--- START ---

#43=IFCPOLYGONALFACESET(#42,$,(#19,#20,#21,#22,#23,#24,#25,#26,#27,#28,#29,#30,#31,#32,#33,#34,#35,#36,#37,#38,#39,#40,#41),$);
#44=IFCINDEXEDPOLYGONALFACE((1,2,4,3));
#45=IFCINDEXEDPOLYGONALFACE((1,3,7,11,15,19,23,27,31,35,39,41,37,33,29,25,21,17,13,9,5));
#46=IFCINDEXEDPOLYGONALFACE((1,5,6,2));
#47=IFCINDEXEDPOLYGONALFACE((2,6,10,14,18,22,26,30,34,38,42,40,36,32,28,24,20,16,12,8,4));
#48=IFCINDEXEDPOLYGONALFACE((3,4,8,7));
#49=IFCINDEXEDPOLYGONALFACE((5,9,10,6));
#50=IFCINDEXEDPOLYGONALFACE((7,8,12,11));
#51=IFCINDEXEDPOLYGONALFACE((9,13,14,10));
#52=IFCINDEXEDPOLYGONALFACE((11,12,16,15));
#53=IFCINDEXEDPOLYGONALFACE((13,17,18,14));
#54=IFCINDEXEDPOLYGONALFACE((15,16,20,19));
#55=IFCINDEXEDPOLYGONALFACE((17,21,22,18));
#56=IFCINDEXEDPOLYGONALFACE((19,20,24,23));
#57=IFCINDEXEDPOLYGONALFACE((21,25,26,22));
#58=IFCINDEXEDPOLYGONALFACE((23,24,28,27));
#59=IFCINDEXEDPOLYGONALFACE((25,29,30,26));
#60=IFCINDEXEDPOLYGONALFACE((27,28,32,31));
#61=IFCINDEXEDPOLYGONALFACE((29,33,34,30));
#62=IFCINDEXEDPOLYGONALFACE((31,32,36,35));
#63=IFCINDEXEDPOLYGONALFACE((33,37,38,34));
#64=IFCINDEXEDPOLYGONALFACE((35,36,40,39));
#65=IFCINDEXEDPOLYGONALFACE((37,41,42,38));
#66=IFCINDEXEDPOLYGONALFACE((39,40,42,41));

--- END ---
--- START ---

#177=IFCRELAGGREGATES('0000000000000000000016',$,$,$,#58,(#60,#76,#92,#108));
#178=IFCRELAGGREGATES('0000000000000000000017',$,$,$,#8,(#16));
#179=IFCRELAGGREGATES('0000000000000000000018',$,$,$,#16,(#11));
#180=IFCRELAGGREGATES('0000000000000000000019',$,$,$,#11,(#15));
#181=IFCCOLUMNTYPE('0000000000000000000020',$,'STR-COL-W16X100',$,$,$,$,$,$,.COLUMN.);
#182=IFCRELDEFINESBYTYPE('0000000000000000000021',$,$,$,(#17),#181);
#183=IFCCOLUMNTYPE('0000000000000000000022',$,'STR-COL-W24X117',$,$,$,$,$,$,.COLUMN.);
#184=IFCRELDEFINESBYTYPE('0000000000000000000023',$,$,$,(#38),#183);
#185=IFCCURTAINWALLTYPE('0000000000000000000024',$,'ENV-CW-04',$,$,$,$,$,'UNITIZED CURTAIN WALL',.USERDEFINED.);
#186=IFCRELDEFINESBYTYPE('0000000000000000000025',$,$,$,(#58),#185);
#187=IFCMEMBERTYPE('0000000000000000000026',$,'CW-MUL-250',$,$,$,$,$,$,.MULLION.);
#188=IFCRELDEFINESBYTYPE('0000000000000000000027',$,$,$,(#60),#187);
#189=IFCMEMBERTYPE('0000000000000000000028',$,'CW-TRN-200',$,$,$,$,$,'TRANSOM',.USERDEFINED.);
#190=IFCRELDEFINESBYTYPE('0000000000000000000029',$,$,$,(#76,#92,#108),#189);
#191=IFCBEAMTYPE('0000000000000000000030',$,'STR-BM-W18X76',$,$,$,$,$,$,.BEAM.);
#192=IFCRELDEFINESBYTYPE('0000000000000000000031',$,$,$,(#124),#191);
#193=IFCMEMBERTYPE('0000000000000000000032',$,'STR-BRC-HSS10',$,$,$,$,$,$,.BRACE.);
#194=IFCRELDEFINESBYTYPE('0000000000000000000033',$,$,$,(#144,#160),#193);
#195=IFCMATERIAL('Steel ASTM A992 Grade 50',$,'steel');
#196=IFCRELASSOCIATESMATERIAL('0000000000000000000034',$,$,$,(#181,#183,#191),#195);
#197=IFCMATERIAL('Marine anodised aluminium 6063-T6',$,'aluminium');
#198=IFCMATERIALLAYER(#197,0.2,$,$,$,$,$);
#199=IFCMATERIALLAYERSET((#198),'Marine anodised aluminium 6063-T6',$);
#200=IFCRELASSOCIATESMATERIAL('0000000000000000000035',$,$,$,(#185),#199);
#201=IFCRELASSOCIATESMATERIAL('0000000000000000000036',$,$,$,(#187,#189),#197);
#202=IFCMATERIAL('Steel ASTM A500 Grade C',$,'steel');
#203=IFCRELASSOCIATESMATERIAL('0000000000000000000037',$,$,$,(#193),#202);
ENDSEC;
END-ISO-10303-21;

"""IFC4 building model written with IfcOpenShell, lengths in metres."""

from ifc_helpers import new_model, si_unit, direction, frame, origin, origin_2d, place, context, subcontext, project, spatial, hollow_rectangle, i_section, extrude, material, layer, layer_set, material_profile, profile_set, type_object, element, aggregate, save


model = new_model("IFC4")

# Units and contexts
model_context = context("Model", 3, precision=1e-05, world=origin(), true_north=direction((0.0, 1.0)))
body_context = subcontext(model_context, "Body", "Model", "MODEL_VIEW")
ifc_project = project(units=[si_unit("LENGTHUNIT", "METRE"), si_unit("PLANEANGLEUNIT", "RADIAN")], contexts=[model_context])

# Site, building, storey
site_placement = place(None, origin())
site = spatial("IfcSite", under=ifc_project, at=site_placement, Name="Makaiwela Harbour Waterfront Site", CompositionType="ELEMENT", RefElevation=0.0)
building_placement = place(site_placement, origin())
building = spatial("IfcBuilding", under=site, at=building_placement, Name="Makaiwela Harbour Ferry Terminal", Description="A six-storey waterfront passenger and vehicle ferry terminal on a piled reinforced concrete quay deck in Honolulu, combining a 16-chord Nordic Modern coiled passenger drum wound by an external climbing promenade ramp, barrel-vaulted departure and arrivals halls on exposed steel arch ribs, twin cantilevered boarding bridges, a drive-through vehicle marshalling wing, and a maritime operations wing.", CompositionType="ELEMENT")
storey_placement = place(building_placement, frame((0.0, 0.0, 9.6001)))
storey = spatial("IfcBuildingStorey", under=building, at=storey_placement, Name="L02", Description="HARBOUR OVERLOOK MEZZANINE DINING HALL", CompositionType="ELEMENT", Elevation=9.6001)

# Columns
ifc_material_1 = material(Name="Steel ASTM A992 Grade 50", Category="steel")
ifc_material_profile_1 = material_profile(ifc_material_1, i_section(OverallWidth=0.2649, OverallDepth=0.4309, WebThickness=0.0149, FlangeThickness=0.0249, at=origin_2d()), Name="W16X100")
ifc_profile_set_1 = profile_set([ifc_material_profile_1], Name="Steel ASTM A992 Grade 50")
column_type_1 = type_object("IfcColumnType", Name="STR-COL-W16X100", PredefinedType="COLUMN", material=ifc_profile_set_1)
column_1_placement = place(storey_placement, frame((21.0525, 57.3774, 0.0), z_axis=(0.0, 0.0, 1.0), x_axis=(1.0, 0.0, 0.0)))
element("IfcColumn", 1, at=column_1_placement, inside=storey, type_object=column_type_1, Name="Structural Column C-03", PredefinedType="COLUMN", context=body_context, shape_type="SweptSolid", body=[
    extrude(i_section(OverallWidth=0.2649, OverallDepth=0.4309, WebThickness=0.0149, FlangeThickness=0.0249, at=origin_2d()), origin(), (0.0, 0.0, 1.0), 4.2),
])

--- END ---

* GOAL OF THE EXERCISE *
Give an exact copy of the lines above from the line with "#53=IFCINDEXEDPOLYGONALFACE((13,17,18,14));" up to and including the line with "#66=IFCINDEXEDPOLYGONALFACE((39,40,42,41));", and leave everything else out.

* YOUR RESPONSE *
#53=IFCINDEXEDPOLYGONALFACE((13,17,18,14));
#54=IFCINDEXEDPOLYGONALFACE((15,16,20,19));
#55=IFCINDEXEDPOLYGONALFACE((17,21,22,18));
#56=IFCINDEXEDPOLYGONALFACE((19,20,24,23));
#57=IFCINDEXEDPOLYGONALFACE((21,25,26,22));
#58=IFCINDEXEDPOLYGONALFACE((23,24,28,27));
#59=IFCINDEXEDPOLYGONALFACE((25,29,30,26));
#60=IFCINDEXEDPOLYGONALFACE((27,28,32,31));
#61=IFCINDEXEDPOLYGONALFACE((29,33,34,30));
#62=IFCINDEXEDPOLYGONALFACE((31,32,36,35));
#63=IFCINDEXEDPOLYGONALFACE((33,37,38,34));
#64=IFCINDEXEDPOLYGONALFACE((35,36,40,39));
#65=IFCINDEXEDPOLYGONALFACE((37,41,42,38));
#66=IFCINDEXEDPOLYGONALFACE((39,40,42,41));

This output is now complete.